(Saved data entries)
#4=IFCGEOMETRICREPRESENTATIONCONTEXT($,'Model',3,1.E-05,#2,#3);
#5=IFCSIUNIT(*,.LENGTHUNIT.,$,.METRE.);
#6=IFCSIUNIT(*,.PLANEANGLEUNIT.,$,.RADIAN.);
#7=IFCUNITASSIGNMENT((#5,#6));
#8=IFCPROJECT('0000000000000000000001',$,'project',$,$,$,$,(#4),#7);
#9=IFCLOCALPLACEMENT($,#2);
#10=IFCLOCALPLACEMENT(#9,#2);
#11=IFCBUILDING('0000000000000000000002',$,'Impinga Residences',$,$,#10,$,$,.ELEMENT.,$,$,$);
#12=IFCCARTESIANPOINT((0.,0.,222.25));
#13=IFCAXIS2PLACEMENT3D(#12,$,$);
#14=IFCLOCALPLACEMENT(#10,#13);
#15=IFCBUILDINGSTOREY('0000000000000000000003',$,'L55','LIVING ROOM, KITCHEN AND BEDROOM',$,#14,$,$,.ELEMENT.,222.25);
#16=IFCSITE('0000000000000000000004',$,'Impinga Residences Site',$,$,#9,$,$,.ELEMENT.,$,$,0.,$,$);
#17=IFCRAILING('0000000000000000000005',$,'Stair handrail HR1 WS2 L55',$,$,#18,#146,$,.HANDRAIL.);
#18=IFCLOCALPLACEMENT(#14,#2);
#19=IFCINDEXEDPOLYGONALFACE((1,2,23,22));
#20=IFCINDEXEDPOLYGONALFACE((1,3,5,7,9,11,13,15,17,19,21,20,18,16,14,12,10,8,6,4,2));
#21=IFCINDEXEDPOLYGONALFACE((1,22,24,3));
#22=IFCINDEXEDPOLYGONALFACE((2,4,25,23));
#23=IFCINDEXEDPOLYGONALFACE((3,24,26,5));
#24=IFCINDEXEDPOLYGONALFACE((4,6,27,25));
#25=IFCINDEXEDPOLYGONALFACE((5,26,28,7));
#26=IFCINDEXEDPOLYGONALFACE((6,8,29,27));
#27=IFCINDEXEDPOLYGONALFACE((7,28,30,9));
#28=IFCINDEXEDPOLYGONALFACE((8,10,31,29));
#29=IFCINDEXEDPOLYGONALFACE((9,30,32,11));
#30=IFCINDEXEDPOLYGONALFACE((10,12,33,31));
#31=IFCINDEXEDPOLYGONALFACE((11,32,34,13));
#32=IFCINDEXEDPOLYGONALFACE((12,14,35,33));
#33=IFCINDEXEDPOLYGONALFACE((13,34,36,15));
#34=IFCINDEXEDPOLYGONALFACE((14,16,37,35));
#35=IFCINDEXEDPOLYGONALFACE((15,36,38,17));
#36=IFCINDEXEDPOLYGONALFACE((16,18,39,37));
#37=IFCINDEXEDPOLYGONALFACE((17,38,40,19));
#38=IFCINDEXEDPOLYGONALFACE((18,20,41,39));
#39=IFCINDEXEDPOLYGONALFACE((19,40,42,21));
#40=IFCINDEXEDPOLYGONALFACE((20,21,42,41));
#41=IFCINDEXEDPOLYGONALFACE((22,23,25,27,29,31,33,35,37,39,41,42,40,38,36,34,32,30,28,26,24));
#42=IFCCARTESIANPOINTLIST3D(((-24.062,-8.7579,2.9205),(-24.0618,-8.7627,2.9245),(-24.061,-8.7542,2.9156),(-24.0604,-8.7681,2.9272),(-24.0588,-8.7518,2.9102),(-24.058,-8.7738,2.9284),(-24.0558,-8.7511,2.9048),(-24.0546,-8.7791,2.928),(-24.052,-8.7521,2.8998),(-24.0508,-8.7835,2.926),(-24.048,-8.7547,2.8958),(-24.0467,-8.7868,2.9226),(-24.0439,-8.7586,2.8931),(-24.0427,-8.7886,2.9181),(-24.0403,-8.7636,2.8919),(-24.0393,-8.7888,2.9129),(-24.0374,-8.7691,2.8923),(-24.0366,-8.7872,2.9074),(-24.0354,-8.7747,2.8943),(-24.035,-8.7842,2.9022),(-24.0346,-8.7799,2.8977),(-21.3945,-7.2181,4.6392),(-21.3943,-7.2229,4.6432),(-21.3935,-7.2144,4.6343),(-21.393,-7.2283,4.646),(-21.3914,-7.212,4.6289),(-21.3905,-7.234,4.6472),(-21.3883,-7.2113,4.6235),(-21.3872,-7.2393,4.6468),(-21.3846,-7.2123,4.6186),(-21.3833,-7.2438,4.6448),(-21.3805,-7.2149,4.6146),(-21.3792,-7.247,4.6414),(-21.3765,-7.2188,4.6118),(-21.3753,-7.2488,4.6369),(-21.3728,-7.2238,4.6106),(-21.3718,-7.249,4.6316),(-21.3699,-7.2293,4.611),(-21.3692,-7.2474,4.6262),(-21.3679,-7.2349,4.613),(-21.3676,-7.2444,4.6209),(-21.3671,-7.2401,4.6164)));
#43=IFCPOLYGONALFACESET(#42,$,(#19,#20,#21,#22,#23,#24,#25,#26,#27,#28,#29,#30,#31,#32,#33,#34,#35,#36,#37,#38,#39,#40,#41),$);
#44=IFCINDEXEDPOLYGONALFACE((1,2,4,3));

**Problem to work on**. Would you print all of the records exactly as they were given?

**Solution to this task**.
#4=IFCGEOMETRICREPRESENTATIONCONTEXT($,'Model',3,1.E-05,#2,#3);
#5=IFCSIUNIT(*,.LENGTHUNIT.,$,.METRE.);
#6=IFCSIUNIT(*,.PLANEANGLEUNIT.,$,.RADIAN.);
#7=IFCUNITASSIGNMENT((#5,#6));
#8=IFCPROJECT('0000000000000000000001',$,'project',$,$,$,$,(#4),#7);
#9=IFCLOCALPLACEMENT($,#2);
#10=IFCLOCALPLACEMENT(#9,#2);
#11=IFCBUILDING('0000000000000000000002',$,'Impinga Residences',$,$,#10,$,$,.ELEMENT.,$,$,$);
#12=IFCCARTESIANPOINT((0.,0.,222.25));
#13=IFCAXIS2PLACEMENT3D(#12,$,$);
#14=IFCLOCALPLACEMENT(#10,#13);
#15=IFCBUILDINGSTOREY('0000000000000000000003',$,'L55','LIVING ROOM, KITCHEN AND BEDROOM',$,#14,$,$,.ELEMENT.,222.25);
#16=IFCSITE('0000000000000000000004',$,'Impinga Residences Site',$,$,#9,$,$,.ELEMENT.,$,$,0.,$,$);
#17=IFCRAILING('0000000000000000000005',$,'Stair handrail HR1 WS2 L55',$,$,#18,#146,$,.HANDRAIL.);
#18=IFCLOCALPLACEMENT(#14,#2);
#19=IFCINDEXEDPOLYGONALFACE((1,2,23,22));
#20=IFCINDEXEDPOLYGONALFACE((1,3,5,7,9,11,13,15,17,19,21,20,18,16,14,12,10,8,6,4,2));
#21=IFCINDEXEDPOLYGONALFACE((1,22,24,3));
#22=IFCINDEXEDPOLYGONALFACE((2,4,25,23));
#23=IFCINDEXEDPOLYGONALFACE((3,24,26,5));
#24=IFCINDEXEDPOLYGONALFACE((4,6,27,25));
#25=IFCINDEXEDPOLYGONALFACE((5,26,28,7));
#26=IFCINDEXEDPOLYGONALFACE((6,8,29,27));
#27=IFCINDEXEDPOLYGONALFACE((7,28,30,9));
#28=IFCINDEXEDPOLYGONALFACE((8,10,31,29));
#29=IFCINDEXEDPOLYGONALFACE((9,30,32,11));
#30=IFCINDEXEDPOLYGONALFACE((10,12,33,31));
#31=IFCINDEXEDPOLYGONALFACE((11,32,34,13));
#32=IFCINDEXEDPOLYGONALFACE((12,14,35,33));
#33=IFCINDEXEDPOLYGONALFACE((13,34,36,15));
#34=IFCINDEXEDPOLYGONALFACE((14,16,37,35));
#35=IFCINDEXEDPOLYGONALFACE((15,36,38,17));
#36=IFCINDEXEDPOLYGONALFACE((16,18,39,37));
#37=IFCINDEXEDPOLYGONALFACE((17,38,40,19));
#38=IFCINDEXEDPOLYGONALFACE((18,20,41,39));
#39=IFCINDEXEDPOLYGONALFACE((19,40,42,21));
#40=IFCINDEXEDPOLYGONALFACE((20,21,42,41));
#41=IFCINDEXEDPOLYGONALFACE((22,23,25,27,29,31,33,35,37,39,41,42,40,38,36,34,32,30,28,26,24));
#42=IFCCARTESIANPOINTLIST3D(((-24.062,-8.7579,2.9205),(-24.0618,-8.7627,2.9245),(-24.061,-8.7542,2.9156),(-24.0604,-8.7681,2.9272),(-24.0588,-8.7518,2.9102),(-24.058,-8.7738,2.9284),(-24.0558,-8.7511,2.9048),(-24.0546,-8.7791,2.928),(-24.052,-8.7521,2.8998),(-24.0508,-8.7835,2.926),(-24.048,-8.7547,2.8958),(-24.0467,-8.7868,2.9226),(-24.0439,-8.7586,2.8931),(-24.0427,-8.7886,2.9181),(-24.0403,-8.7636,2.8919),(-24.0393,-8.7888,2.9129),(-24.0374,-8.7691,2.8923),(-24.0366,-8.7872,2.9074),(-24.0354,-8.7747,2.8943),(-24.035,-8.7842,2.9022),(-24.0346,-8.7799,2.8977),(-21.3945,-7.2181,4.6392),(-21.3943,-7.2229,4.6432),(-21.3935,-7.2144,4.6343),(-21.393,-7.2283,4.646),(-21.3914,-7.212,4.6289),(-21.3905,-7.234,4.6472),(-21.3883,-7.2113,4.6235),(-21.3872,-7.2393,4.6468),(-21.3846,-7.2123,4.6186),(-21.3833,-7.2438,4.6448),(-21.3805,-7.2149,4.6146),(-21.3792,-7.247,4.6414),(-21.3765,-7.2188,4.6118),(-21.3753,-7.2488,4.6369),(-21.3728,-7.2238,4.6106),(-21.3718,-7.249,4.6316),(-21.3699,-7.2293,4.611),(-21.3692,-7.2474,4.6262),(-21.3679,-7.2349,4.613),(-21.3676,-7.2444,4.6209),(-21.3671,-7.2401,4.6164)));
#43=IFCPOLYGONALFACESET(#42,$,(#19,#20,#21,#22,#23,#24,#25,#26,#27,#28,#29,#30,#31,#32,#33,#34,#35,#36,#37,#38,#39,#40,#41),$);
#44=IFCINDEXEDPOLYGONALFACE((1,2,4,3));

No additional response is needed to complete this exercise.